◆ WHAT IS NEEDED
Across the records below, count the lines that contain "IFCSIUNIT" and write down only the count.
━━━ INFORMATION PROVIDED
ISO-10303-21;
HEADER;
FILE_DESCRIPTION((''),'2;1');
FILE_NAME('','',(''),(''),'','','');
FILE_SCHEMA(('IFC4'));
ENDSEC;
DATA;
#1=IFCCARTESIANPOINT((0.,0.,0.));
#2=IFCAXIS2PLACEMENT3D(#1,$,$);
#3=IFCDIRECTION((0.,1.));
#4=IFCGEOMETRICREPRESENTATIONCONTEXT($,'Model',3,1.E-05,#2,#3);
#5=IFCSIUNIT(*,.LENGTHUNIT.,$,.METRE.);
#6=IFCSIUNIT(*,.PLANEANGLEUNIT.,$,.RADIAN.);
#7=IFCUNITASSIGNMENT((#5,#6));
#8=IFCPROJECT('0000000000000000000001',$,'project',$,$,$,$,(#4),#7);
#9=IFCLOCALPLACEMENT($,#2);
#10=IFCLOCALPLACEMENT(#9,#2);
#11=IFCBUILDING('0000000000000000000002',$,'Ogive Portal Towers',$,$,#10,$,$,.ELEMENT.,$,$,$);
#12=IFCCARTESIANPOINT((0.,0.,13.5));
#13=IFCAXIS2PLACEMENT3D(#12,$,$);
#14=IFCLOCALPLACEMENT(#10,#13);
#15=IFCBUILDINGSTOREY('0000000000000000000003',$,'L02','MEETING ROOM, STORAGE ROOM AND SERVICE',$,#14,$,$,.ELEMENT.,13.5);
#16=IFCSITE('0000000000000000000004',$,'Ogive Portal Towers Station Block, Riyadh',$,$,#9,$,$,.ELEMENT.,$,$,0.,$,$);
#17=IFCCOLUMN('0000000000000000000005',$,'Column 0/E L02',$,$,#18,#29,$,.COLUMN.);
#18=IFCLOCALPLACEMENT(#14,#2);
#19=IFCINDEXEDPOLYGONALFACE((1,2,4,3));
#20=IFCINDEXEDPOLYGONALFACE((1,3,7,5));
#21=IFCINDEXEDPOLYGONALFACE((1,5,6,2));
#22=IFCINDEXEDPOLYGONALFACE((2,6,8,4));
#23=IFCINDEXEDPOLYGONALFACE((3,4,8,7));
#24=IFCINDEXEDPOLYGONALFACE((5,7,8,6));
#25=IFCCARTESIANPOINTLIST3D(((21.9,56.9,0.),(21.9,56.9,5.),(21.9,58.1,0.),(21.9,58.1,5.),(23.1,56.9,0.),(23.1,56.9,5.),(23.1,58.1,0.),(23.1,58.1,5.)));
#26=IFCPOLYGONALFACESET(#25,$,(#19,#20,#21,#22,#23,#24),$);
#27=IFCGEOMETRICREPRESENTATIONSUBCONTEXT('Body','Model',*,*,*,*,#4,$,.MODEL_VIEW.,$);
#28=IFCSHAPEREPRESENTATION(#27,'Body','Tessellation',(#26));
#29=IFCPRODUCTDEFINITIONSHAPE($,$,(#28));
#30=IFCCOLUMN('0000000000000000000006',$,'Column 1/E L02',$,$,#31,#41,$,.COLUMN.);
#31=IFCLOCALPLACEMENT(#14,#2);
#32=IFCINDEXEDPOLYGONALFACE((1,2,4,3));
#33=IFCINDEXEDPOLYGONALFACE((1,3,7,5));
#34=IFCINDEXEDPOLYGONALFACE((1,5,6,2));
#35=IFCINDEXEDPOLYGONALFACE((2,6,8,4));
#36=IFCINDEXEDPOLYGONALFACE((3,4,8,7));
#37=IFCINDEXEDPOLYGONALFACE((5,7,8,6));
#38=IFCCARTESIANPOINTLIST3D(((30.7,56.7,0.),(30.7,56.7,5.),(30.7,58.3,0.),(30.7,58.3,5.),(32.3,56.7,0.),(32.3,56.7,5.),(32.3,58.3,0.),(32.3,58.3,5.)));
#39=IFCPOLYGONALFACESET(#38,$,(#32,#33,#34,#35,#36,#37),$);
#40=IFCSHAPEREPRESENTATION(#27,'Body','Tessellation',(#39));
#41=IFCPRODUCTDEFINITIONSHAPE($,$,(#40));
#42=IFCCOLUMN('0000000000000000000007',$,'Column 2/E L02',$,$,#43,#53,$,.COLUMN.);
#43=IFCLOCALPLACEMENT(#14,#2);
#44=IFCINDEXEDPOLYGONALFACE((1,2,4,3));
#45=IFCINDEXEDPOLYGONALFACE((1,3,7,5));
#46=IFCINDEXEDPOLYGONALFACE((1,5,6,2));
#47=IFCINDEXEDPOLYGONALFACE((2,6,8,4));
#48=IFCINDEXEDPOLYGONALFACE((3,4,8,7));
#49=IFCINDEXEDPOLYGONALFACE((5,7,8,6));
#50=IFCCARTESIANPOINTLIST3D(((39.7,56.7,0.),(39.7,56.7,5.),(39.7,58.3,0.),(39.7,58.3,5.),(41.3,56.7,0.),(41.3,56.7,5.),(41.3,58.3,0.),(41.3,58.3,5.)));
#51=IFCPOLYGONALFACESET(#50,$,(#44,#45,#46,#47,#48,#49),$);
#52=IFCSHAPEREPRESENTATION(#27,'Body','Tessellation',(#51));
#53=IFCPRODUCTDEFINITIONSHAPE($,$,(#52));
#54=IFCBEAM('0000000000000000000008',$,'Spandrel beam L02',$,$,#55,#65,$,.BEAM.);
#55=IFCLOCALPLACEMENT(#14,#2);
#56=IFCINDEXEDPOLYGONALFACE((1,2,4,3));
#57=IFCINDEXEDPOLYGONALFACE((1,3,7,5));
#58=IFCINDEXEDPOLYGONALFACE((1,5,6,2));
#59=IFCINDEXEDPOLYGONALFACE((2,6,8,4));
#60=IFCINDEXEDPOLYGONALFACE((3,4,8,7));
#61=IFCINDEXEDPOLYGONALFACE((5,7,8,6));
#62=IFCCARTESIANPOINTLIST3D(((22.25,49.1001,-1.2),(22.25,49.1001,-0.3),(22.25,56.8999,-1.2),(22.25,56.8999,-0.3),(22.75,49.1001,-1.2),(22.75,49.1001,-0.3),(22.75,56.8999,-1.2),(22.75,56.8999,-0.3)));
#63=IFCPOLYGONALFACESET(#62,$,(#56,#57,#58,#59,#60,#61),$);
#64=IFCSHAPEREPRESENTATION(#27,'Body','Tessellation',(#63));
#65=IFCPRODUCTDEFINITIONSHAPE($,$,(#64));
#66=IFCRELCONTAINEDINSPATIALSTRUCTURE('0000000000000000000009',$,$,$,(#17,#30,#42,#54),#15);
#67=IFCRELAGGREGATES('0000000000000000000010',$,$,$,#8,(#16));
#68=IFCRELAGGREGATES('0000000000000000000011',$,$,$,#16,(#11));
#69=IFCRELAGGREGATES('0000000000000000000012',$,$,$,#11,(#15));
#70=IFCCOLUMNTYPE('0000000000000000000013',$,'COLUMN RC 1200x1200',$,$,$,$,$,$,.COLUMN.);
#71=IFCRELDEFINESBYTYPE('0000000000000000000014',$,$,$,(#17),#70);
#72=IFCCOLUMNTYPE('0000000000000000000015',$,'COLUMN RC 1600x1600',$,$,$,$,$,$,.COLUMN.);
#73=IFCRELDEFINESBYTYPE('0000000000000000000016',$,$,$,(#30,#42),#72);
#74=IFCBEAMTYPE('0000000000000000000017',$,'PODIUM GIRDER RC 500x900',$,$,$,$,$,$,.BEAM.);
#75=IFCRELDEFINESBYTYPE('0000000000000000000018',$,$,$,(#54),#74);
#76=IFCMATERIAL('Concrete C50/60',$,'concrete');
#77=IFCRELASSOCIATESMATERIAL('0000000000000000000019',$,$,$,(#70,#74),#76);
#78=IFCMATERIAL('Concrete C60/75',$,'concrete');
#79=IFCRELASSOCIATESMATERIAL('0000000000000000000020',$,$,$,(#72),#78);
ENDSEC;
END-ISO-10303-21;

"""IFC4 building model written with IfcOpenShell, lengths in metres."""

from ifc_helpers import new_model, si_unit, direction, frame, origin, origin_2d, place, context, subcontext, project, spatial, rectangle, extrude, material, material_profile, profile_set, type_object, element, save


model = new_model("IFC4")

# Units and contexts
model_context = context("Model", 3, precision=1e-05, world=origin(), true_north=direction((0.0, 1.0)))
body_context = subcontext(model_context, "Body", "Model", "MODEL_VIEW")
ifc_project = project(units=[si_unit("LENGTHUNIT", "METRE"), si_unit("PLANEANGLEUNIT", "RADIAN")], contexts=[model_context])

# Site, building, storey
site_placement = place(None, origin())
site = spatial("IfcSite", under=ifc_project, at=site_placement, Name="Ogive Portal Towers Station Block, Riyadh", CompositionType="ELEMENT", RefElevation=0.0)
building_placement = place(site_placement, origin())
building = spatial("IfcBuilding", under=site, at=building_placement, Name="Ogive Portal Towers", CompositionType="ELEMENT")
storey_placement = place(building_placement, frame((0.0, 0.0, 13.5)))
storey = spatial("IfcBuildingStorey", under=building, at=storey_placement, Name="L02", Description="MEETING ROOM, STORAGE ROOM AND SERVICE", CompositionType="ELEMENT", Elevation=13.5)

# Columns
ifc_material_1 = material(Name="Concrete C50/60", Category="concrete")
ifc_material_profile_1 = material_profile(ifc_material_1, rectangle(XDim=1.2, YDim=1.2, at=origin_2d()), Name="RC 1200x1200")
ifc_profile_set_1 = profile_set([ifc_material_profile_1], Name="Concrete C50/60")
column_type_1 = type_object("IfcColumnType", Name="COLUMN RC 1200x1200", PredefinedType="COLUMN", material=ifc_profile_set_1)
column_placement = place(storey_placement, frame((22.5, 57.5, 0.0), z_axis=(0.0, 0.0, 1.0), x_axis=(1.0, 0.0, 0.0)))
element("IfcColumn", 1, at=column_placement, inside=storey, type_object=column_type_1, Name="Column 0/E L02", PredefinedType="COLUMN", context=body_context, shape_type="SweptSolid", body=[
    extrude(rectangle(XDim=1.2, YDim=1.2, at=origin_2d()), origin(), (0.0, 0.0, 1.0), 5.0),
])
ifc_material_2 = material(Name="Concrete C60/75", Category="concrete")
ifc_material_profile_2 = material_profile(ifc_material_2, rectangle(XDim=1.6001, YDim=1.6001, at=origin_2d()), Name="RC 1600x1600")
ifc_profile_set_2 = profile_set([ifc_material_profile_2], Name="Concrete C60/75")
column_type_2 = type_object("IfcColumnType", Name="COLUMN RC 1600x1600", PredefinedType="COLUMN", material=ifc_profile_set_2)
for number, where, z_axis, x_axis, name in (
    (2, (31.5, 57.5, 0.0), (0.0, 0.0, 1.0), (1.0, 0.0, 0.0), "Column 1/E L02"),
    (3, (40.5, 57.5, 0.0), (0.0, 0.0, 1.0), (1.0, 0.0, 0.0), "Column 2/E L02"),
):
    element("IfcColumn", number, at=place(storey_placement, frame(where, z_axis=z_axis, x_axis=x_axis)), inside=storey, type_object=column_type_2, Name=name, PredefinedType="COLUMN", context=body_context, shape_type="SweptSolid", body=[
        extrude(rectangle(XDim=1.6001, YDim=1.6001, at=origin_2d()), origin(), (0.0, 0.0, 1.0), 5.0),
    ])

# Beam
ifc_material_profile_3 = material_profile(ifc_material_1, rectangle(XDim=0.5, YDim=0.8999, at=origin_2d()), Name="RC 500x900")
ifc_profile_set_3 = profile_set([ifc_material_profile_3], Name="Concrete C50/60")
beam_type = type_object("IfcBeamType", Name="PODIUM GIRDER RC 500x900", PredefinedType="BEAM", material=ifc_profile_set_3)
beam_placement = place(storey_placement, frame((22.5, 56.8999, -0.75), z_axis=(0.0, -1.0, 0.0), x_axis=(1.0, 0.0, 0.0)))
element("IfcBeam", 4, at=beam_placement, inside=storey, type_object=beam_type, Name="Spandrel beam L02", PredefinedType="BEAM", context=body_context, shape_type="SweptSolid", body=[
    extrude(rectangle(XDim=0.5, YDim=0.8999, at=origin_2d()), origin(), (0.0, 0.0, 1.0), 7.7998),
])

save(model, "model.ifc")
━━━━━━
◆ WRITTEN ANSWER
2